• **DESCRIPTION OF THE TASK**:
Return all lines of the listing below that carry the word "Exchange".

• **SOURCE RECORDS**:
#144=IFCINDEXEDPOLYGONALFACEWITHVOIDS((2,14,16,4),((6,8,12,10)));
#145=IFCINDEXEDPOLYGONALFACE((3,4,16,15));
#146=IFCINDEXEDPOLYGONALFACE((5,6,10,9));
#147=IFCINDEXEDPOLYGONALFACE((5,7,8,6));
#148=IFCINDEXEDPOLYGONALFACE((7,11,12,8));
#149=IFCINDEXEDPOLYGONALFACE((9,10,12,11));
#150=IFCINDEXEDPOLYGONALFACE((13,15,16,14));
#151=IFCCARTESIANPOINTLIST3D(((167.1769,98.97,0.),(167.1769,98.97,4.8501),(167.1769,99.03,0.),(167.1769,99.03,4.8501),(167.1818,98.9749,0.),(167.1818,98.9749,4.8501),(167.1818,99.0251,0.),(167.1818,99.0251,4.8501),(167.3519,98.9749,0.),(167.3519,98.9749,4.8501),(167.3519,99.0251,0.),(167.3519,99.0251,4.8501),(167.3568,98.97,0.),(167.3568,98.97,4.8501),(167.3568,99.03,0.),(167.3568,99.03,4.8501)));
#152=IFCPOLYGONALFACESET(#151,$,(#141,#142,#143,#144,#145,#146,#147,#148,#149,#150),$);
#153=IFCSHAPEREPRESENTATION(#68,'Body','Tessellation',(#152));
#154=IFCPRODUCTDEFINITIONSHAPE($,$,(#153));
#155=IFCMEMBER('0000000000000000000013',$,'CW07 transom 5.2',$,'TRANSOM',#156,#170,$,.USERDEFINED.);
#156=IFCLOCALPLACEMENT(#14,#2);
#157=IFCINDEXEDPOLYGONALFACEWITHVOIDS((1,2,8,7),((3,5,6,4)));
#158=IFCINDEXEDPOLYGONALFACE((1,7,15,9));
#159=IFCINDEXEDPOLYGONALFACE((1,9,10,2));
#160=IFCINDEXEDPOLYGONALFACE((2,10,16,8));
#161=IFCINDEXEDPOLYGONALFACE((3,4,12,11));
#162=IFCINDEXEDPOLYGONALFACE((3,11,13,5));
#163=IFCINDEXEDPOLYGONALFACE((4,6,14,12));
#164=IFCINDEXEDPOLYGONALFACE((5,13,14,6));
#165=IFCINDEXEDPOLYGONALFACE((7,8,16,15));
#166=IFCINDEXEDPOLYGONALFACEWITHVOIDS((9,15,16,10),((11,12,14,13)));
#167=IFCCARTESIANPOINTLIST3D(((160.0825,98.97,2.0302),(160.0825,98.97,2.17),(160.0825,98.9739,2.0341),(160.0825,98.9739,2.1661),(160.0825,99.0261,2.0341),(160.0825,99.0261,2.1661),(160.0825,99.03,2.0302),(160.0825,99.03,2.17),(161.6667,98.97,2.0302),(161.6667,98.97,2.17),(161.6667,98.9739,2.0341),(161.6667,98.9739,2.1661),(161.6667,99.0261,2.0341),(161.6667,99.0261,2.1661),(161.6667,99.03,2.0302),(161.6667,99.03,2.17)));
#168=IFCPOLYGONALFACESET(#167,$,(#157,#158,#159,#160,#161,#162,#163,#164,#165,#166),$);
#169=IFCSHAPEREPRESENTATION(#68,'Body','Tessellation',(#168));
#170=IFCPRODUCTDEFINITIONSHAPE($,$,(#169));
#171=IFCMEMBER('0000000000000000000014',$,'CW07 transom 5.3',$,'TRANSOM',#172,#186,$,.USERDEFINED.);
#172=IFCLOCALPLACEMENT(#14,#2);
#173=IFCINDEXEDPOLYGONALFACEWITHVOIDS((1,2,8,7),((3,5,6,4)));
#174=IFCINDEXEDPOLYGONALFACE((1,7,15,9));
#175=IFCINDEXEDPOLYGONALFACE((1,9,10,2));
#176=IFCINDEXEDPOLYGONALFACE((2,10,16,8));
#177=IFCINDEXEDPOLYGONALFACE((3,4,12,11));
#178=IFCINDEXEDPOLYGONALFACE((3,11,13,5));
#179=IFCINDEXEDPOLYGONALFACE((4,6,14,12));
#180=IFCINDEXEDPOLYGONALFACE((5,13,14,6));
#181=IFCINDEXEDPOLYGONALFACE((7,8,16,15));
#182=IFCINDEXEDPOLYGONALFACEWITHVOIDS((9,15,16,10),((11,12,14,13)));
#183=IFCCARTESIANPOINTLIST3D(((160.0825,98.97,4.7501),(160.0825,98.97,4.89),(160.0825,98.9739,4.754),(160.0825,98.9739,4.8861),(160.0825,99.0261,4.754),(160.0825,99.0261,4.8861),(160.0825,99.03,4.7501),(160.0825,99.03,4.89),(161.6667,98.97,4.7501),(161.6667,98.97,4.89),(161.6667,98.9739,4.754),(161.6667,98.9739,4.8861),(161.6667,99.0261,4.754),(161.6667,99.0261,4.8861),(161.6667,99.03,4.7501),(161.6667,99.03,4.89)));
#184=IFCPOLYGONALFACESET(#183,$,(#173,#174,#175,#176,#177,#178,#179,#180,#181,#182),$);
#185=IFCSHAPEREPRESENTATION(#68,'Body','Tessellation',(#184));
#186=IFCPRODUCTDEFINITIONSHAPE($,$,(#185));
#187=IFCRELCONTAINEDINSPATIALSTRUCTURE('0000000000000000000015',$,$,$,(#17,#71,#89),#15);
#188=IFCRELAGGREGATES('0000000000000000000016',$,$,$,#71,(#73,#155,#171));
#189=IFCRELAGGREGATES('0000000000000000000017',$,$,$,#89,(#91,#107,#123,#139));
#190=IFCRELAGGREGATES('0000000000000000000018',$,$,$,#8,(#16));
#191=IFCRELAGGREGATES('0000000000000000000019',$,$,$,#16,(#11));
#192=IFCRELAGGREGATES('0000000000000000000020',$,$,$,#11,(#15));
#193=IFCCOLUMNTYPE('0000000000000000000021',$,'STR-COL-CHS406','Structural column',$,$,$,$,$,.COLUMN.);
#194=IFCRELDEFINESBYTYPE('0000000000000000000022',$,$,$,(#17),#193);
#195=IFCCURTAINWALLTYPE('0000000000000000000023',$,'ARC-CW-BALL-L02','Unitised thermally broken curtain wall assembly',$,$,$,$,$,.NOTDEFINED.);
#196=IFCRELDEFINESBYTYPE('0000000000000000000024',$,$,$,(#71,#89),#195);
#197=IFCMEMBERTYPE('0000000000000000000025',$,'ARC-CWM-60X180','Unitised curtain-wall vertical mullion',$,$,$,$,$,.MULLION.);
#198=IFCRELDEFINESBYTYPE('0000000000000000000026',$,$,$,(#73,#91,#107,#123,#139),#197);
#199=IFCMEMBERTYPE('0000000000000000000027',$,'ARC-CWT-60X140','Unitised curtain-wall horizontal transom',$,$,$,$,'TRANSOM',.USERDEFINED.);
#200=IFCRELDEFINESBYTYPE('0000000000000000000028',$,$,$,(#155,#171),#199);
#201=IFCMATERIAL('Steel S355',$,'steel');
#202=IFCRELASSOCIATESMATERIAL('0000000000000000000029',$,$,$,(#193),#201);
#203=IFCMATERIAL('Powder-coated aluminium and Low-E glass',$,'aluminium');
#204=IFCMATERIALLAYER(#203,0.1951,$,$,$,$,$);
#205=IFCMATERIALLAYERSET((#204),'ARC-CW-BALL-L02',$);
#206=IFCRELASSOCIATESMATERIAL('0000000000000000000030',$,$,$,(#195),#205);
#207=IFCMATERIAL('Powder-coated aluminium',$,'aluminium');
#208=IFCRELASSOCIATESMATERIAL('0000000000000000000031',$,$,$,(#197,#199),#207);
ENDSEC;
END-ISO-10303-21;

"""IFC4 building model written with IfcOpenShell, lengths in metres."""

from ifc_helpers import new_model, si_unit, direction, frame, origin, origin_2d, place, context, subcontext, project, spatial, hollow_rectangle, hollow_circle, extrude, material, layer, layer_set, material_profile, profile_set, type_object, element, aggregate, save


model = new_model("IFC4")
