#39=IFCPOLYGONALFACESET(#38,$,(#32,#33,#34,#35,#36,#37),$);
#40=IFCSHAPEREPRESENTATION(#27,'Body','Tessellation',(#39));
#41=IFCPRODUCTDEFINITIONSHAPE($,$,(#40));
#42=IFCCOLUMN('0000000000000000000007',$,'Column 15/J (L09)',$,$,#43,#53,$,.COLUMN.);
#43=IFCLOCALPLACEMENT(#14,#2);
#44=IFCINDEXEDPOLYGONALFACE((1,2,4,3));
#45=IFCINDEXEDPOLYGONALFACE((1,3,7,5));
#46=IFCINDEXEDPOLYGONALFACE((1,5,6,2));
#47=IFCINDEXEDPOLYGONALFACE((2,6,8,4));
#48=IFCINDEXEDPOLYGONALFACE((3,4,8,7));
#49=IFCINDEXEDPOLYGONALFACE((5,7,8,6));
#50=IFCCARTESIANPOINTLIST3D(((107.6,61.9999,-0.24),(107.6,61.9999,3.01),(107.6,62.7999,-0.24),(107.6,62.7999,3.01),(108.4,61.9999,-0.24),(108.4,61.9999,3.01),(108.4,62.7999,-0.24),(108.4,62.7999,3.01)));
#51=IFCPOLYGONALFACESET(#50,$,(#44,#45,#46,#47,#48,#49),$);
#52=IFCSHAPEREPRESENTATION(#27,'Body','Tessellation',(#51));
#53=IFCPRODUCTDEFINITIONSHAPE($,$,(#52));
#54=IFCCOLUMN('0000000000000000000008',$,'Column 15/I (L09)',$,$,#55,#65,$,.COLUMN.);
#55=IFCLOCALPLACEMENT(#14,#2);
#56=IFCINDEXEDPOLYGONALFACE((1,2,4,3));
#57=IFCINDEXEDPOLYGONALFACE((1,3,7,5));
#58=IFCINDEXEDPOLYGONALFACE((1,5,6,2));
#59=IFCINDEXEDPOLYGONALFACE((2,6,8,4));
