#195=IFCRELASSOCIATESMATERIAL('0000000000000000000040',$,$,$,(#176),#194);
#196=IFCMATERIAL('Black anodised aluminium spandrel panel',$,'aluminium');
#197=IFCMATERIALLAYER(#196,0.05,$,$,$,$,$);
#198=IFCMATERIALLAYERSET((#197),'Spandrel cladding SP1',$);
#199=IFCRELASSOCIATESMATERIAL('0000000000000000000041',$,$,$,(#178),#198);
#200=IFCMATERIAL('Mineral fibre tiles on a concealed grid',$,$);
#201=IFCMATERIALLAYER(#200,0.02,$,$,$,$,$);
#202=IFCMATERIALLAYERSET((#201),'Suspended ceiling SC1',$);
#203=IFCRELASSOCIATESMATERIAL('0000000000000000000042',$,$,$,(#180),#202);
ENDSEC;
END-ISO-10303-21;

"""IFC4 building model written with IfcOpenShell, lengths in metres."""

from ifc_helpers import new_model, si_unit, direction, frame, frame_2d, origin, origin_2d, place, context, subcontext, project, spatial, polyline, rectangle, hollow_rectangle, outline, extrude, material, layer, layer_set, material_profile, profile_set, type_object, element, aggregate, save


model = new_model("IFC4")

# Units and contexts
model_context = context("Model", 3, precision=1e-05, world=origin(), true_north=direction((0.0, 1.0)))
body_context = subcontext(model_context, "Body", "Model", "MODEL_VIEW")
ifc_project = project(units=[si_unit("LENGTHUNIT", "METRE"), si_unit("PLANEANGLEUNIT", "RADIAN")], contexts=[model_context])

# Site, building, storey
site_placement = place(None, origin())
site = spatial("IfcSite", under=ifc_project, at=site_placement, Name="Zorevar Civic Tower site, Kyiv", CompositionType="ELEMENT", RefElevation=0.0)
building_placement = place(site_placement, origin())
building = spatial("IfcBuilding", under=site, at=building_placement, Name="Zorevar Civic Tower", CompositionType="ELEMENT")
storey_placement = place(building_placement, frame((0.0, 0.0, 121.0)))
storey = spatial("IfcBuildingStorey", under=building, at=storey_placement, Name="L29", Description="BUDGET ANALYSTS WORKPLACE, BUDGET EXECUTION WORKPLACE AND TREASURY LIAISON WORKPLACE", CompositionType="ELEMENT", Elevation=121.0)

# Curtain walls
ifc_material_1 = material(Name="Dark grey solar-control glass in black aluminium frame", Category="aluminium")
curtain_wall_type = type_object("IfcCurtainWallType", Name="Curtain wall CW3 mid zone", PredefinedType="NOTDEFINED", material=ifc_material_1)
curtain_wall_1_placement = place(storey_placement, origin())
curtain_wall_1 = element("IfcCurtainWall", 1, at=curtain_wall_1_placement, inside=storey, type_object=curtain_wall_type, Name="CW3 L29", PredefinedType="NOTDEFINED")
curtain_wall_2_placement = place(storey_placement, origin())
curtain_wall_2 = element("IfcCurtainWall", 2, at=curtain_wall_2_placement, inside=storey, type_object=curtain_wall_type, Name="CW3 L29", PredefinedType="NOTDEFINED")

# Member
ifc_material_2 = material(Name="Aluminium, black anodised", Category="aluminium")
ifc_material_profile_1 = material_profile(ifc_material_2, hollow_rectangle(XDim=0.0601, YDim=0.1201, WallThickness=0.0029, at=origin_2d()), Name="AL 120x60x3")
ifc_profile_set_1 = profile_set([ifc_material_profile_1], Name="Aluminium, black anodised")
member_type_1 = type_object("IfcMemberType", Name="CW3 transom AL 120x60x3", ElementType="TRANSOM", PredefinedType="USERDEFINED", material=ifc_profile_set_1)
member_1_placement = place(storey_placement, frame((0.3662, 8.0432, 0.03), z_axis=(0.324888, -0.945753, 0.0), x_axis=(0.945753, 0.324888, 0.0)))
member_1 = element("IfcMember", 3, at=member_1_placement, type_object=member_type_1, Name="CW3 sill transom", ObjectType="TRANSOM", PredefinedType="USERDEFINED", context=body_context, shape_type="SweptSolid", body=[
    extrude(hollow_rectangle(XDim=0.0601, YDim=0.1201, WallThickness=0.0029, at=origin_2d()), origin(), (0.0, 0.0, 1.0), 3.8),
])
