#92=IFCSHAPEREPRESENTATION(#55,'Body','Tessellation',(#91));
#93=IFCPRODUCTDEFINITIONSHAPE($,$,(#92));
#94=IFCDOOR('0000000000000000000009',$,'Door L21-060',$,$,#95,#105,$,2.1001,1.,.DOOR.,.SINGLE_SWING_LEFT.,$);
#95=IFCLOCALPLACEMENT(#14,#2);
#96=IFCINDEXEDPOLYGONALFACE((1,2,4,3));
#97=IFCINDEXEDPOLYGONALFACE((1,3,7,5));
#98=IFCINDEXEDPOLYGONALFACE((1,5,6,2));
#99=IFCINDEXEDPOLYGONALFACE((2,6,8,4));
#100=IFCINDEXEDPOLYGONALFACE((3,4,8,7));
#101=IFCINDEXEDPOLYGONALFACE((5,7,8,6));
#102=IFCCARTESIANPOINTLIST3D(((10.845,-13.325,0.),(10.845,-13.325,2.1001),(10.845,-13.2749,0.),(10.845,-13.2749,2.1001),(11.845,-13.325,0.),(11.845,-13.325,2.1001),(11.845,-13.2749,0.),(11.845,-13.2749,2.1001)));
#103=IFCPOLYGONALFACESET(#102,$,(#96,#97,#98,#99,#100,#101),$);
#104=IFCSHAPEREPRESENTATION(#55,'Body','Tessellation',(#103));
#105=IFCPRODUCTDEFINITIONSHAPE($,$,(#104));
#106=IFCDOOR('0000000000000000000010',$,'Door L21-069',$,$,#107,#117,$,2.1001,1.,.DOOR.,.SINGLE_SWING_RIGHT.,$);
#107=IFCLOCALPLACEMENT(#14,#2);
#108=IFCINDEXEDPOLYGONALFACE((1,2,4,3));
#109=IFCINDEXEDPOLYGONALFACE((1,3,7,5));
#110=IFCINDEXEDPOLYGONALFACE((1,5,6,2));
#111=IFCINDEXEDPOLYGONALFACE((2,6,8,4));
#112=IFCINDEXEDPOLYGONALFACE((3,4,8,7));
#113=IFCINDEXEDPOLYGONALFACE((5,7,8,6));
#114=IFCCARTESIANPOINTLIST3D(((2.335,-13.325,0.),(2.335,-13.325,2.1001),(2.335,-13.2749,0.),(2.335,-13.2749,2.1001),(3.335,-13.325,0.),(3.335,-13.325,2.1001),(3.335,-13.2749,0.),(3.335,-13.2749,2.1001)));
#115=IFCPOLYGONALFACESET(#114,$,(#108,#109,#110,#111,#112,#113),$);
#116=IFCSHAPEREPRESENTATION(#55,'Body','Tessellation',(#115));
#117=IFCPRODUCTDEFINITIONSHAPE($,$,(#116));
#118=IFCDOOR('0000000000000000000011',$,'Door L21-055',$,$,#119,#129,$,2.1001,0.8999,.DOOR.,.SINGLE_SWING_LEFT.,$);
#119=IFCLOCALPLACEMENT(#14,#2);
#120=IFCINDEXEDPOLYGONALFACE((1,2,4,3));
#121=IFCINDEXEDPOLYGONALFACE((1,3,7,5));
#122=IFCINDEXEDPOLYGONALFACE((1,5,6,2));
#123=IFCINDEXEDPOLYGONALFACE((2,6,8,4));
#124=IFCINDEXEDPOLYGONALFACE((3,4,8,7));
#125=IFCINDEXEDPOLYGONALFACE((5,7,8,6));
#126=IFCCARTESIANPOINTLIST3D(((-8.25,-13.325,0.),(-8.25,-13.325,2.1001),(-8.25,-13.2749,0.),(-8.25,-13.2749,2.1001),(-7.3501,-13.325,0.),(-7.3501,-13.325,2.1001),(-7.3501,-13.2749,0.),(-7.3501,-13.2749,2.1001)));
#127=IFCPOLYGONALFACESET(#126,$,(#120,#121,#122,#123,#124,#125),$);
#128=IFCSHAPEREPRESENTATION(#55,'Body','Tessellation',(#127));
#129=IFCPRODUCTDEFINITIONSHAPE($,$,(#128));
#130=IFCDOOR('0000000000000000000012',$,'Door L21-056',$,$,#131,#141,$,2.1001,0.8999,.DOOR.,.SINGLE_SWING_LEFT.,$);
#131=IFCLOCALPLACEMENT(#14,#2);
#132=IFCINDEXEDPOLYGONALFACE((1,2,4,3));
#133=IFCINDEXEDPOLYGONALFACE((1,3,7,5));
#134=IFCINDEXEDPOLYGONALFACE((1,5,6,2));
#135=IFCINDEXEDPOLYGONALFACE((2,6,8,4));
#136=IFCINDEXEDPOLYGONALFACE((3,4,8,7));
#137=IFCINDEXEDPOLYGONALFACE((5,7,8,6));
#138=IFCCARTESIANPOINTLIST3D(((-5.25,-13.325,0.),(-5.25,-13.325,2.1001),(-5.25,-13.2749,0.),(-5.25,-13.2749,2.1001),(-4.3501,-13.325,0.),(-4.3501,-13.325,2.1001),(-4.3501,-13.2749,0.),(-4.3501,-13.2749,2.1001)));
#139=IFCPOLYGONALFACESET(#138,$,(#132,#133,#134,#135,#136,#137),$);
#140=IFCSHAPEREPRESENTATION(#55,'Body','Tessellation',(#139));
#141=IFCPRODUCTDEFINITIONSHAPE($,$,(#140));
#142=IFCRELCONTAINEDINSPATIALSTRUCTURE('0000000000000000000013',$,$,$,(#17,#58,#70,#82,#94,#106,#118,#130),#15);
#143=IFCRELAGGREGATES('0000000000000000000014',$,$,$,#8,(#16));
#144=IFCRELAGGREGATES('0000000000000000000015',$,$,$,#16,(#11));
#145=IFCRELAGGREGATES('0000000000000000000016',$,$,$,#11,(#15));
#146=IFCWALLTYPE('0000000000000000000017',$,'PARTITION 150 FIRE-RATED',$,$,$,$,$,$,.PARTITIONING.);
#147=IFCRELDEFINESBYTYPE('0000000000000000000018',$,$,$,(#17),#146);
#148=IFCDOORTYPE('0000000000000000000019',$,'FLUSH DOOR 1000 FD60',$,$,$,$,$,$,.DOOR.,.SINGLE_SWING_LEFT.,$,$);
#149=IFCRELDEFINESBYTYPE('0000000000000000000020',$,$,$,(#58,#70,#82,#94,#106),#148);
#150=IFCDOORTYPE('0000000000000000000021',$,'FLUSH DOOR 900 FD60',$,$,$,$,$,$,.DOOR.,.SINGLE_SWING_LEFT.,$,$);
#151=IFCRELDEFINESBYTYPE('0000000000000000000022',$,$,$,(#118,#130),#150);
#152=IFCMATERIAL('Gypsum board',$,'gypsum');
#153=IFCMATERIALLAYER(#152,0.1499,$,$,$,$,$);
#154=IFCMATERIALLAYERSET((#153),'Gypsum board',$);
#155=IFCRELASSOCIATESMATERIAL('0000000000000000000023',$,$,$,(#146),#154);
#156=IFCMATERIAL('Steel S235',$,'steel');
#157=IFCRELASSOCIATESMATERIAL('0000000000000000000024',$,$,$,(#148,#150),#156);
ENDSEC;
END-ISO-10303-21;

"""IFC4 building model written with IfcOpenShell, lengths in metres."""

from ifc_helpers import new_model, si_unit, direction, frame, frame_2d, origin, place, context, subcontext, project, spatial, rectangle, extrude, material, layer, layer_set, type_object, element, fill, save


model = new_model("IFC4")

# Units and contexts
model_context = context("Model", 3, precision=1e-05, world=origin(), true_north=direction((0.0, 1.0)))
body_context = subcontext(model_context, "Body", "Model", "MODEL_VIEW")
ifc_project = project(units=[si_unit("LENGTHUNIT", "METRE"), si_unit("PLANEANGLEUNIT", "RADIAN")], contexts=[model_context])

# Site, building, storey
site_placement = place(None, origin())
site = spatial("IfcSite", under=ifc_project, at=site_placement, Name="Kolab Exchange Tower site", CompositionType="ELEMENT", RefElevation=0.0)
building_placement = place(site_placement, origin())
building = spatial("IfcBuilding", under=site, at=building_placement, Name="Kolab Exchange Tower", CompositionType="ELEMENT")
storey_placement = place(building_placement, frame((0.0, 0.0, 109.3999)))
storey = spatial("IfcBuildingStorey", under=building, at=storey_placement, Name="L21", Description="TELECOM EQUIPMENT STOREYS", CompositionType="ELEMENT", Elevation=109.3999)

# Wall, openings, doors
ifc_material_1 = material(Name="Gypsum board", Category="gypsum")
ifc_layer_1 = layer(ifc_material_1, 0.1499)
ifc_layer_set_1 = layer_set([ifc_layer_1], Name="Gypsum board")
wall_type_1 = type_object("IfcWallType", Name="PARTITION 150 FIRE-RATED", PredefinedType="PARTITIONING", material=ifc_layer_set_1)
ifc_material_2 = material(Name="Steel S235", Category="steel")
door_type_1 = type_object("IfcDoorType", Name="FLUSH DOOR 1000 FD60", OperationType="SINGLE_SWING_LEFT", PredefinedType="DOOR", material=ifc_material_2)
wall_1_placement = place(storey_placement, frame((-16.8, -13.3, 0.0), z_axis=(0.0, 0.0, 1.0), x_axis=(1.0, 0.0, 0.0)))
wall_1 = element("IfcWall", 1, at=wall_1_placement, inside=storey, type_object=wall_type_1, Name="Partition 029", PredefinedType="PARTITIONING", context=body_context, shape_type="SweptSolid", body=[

• **FINAL ANSWER**:
site = spatial("IfcSite", under=ifc_project, at=site_placement, Name="Kolab Exchange Tower site", CompositionType="ELEMENT", RefElevation=0.0)
building = spatial("IfcBuilding", under=site, at=building_placement, Name="Kolab Exchange Tower", CompositionType="ELEMENT")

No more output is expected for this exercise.